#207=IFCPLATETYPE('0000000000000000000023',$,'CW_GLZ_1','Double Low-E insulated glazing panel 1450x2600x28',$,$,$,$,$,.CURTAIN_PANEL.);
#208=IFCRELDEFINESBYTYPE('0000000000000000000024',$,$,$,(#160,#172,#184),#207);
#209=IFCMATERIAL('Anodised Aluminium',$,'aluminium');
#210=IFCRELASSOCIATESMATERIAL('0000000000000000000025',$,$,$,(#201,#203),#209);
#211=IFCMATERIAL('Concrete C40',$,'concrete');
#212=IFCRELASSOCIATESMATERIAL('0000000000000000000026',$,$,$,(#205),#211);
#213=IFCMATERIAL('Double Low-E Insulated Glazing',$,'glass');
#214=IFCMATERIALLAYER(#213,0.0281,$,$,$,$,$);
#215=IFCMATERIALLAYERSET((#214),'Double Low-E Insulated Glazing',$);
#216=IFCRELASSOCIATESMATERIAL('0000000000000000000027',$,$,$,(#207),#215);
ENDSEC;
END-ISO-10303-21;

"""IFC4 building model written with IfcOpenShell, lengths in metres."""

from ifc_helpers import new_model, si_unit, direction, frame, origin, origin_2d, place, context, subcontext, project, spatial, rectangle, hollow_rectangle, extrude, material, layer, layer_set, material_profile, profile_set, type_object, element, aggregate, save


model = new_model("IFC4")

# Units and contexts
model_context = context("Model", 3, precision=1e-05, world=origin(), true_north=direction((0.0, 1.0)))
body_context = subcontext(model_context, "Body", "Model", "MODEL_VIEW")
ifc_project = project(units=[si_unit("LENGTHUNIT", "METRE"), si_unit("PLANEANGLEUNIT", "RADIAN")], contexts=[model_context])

####

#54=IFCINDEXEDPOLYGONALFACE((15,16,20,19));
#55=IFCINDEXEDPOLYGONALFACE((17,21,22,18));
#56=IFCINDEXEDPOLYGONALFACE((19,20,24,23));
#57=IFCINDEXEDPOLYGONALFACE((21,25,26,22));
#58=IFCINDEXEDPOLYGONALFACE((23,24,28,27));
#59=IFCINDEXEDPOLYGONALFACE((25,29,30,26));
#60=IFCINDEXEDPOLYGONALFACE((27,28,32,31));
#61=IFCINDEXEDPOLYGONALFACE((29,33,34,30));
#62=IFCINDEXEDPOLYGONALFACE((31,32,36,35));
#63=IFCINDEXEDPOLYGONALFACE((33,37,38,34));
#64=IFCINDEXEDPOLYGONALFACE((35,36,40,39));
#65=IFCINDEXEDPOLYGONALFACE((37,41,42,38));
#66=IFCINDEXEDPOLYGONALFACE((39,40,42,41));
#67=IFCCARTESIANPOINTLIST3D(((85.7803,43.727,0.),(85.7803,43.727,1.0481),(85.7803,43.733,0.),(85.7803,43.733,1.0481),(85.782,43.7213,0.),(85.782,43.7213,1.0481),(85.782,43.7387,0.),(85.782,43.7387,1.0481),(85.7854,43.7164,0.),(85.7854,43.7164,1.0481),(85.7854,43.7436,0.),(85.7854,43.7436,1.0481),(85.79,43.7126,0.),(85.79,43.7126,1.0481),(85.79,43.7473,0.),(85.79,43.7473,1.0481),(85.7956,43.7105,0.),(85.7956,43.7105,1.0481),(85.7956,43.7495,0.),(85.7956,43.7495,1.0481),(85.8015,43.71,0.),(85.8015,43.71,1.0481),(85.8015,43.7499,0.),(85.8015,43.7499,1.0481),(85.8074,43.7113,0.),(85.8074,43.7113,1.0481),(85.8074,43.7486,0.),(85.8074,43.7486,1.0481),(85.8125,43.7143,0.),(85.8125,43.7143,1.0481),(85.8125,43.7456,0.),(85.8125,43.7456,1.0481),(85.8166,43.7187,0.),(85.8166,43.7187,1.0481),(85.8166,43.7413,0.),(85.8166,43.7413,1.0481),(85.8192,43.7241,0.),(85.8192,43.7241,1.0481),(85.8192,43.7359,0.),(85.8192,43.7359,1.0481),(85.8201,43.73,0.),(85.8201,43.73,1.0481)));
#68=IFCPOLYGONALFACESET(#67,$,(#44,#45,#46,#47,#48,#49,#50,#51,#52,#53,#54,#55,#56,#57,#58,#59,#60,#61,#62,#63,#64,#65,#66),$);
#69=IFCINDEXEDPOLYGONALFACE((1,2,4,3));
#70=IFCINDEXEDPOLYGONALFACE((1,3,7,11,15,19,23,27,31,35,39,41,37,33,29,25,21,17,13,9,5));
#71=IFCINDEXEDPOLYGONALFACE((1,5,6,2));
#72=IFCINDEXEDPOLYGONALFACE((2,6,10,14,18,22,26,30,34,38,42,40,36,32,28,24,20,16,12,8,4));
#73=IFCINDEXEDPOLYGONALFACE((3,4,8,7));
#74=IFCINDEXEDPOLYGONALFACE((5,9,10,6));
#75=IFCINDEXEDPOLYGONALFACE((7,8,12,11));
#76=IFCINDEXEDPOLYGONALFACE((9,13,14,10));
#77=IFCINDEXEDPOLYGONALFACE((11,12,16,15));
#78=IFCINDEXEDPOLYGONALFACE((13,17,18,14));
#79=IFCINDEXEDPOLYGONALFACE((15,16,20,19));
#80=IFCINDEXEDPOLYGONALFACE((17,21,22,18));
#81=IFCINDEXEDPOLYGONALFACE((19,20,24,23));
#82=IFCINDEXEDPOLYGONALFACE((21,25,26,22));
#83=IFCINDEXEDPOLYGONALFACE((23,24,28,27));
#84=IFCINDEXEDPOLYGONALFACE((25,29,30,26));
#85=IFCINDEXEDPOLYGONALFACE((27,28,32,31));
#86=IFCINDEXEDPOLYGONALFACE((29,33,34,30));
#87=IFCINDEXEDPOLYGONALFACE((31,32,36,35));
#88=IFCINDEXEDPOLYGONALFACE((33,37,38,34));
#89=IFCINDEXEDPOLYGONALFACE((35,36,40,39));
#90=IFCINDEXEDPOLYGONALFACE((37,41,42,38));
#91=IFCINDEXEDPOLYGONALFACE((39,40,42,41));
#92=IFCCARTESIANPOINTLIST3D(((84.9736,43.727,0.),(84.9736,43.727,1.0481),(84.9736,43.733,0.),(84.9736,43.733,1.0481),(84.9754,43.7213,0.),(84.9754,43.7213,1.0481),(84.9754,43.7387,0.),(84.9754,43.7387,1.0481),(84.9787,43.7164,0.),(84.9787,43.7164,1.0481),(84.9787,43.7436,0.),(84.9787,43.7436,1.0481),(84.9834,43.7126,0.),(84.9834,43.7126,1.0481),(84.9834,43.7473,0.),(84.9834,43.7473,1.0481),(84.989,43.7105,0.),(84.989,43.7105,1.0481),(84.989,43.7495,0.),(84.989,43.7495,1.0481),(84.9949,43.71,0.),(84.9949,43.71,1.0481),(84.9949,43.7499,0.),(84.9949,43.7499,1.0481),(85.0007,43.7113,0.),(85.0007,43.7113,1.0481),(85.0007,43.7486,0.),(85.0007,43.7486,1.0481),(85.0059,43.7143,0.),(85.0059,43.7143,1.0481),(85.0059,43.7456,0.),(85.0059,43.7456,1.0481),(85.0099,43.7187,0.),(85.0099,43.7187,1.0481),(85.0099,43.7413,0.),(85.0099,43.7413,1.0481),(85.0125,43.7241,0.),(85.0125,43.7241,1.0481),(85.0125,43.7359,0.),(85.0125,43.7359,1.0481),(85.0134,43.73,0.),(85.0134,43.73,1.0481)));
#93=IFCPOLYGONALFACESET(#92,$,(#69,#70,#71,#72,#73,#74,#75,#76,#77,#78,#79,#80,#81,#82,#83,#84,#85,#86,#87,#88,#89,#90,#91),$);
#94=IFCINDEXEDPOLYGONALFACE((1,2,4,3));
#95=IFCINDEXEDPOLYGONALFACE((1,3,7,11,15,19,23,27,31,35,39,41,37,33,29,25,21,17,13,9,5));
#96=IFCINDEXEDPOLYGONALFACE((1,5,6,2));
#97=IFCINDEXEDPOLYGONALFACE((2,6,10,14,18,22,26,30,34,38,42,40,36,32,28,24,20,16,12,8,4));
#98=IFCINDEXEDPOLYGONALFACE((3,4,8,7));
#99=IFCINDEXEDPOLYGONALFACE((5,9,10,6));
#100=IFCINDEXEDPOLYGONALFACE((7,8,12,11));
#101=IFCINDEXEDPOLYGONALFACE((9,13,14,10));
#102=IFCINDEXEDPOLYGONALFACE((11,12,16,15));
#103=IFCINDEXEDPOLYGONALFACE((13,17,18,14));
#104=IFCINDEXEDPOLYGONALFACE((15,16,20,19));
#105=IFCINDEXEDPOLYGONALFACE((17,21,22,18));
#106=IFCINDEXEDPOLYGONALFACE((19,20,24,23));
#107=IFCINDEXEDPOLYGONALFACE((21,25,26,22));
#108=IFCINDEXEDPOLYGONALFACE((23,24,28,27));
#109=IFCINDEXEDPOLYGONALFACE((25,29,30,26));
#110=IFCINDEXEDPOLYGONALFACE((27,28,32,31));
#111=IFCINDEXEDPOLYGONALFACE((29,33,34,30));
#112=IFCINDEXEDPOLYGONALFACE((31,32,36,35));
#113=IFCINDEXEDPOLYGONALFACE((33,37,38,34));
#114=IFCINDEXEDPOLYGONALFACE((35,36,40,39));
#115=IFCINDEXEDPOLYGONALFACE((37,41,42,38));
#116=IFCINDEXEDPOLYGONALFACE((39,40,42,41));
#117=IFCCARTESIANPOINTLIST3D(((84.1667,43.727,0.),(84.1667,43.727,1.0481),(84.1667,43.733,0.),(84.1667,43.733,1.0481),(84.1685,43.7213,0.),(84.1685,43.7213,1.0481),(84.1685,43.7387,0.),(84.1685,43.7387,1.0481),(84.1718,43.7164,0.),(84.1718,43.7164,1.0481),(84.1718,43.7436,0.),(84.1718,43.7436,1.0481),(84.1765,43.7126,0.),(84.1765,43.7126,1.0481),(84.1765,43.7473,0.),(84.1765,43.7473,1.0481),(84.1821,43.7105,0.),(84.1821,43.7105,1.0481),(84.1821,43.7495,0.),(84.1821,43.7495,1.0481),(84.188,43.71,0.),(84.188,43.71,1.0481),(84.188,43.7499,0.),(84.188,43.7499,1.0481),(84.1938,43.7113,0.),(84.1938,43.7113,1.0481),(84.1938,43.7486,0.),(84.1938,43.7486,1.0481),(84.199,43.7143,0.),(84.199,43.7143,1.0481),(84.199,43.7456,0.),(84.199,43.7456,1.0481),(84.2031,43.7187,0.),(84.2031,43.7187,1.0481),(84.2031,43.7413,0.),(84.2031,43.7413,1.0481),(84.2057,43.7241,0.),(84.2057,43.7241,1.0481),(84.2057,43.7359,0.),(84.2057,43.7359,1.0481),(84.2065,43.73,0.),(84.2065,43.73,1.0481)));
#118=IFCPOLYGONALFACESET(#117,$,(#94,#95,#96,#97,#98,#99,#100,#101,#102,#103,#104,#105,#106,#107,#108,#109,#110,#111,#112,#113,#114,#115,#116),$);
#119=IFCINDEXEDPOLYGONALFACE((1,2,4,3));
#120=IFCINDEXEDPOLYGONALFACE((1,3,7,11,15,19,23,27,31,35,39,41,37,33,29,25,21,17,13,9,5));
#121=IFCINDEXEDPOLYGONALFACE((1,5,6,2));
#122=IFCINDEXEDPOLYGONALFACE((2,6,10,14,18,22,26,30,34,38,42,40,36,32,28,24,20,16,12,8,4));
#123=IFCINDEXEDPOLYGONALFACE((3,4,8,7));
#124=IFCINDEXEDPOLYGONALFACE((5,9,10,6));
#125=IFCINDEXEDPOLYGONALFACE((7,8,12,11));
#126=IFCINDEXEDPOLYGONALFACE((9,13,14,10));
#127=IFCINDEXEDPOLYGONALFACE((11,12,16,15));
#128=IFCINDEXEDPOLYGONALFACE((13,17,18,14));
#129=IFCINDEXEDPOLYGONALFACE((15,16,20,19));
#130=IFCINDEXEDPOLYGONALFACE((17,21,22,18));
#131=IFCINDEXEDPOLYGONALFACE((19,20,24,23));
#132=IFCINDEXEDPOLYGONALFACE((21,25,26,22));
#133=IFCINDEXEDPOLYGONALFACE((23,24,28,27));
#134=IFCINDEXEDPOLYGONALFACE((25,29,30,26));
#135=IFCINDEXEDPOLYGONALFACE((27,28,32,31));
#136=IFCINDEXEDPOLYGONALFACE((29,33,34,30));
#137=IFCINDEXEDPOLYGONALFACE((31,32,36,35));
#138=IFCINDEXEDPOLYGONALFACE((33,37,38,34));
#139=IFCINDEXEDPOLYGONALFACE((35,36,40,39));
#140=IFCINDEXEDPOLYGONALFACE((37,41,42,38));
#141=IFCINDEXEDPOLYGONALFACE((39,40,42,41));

####

*Your instructions*: What you return should be exactly the lines above, starting at the one with "#112=IFCINDEXEDPOLYGONALFACE((31,32,36,35));" and ending at the one with "#116=IFCINDEXEDPOLYGONALFACE((39,40,42,41));", and nothing else.

*Result for this exercise*:
#112=IFCINDEXEDPOLYGONALFACE((31,32,36,35));
#113=IFCINDEXEDPOLYGONALFACE((33,37,38,34));
#114=IFCINDEXEDPOLYGONALFACE((35,36,40,39));
#115=IFCINDEXEDPOLYGONALFACE((37,41,42,38));
#116=IFCINDEXEDPOLYGONALFACE((39,40,42,41));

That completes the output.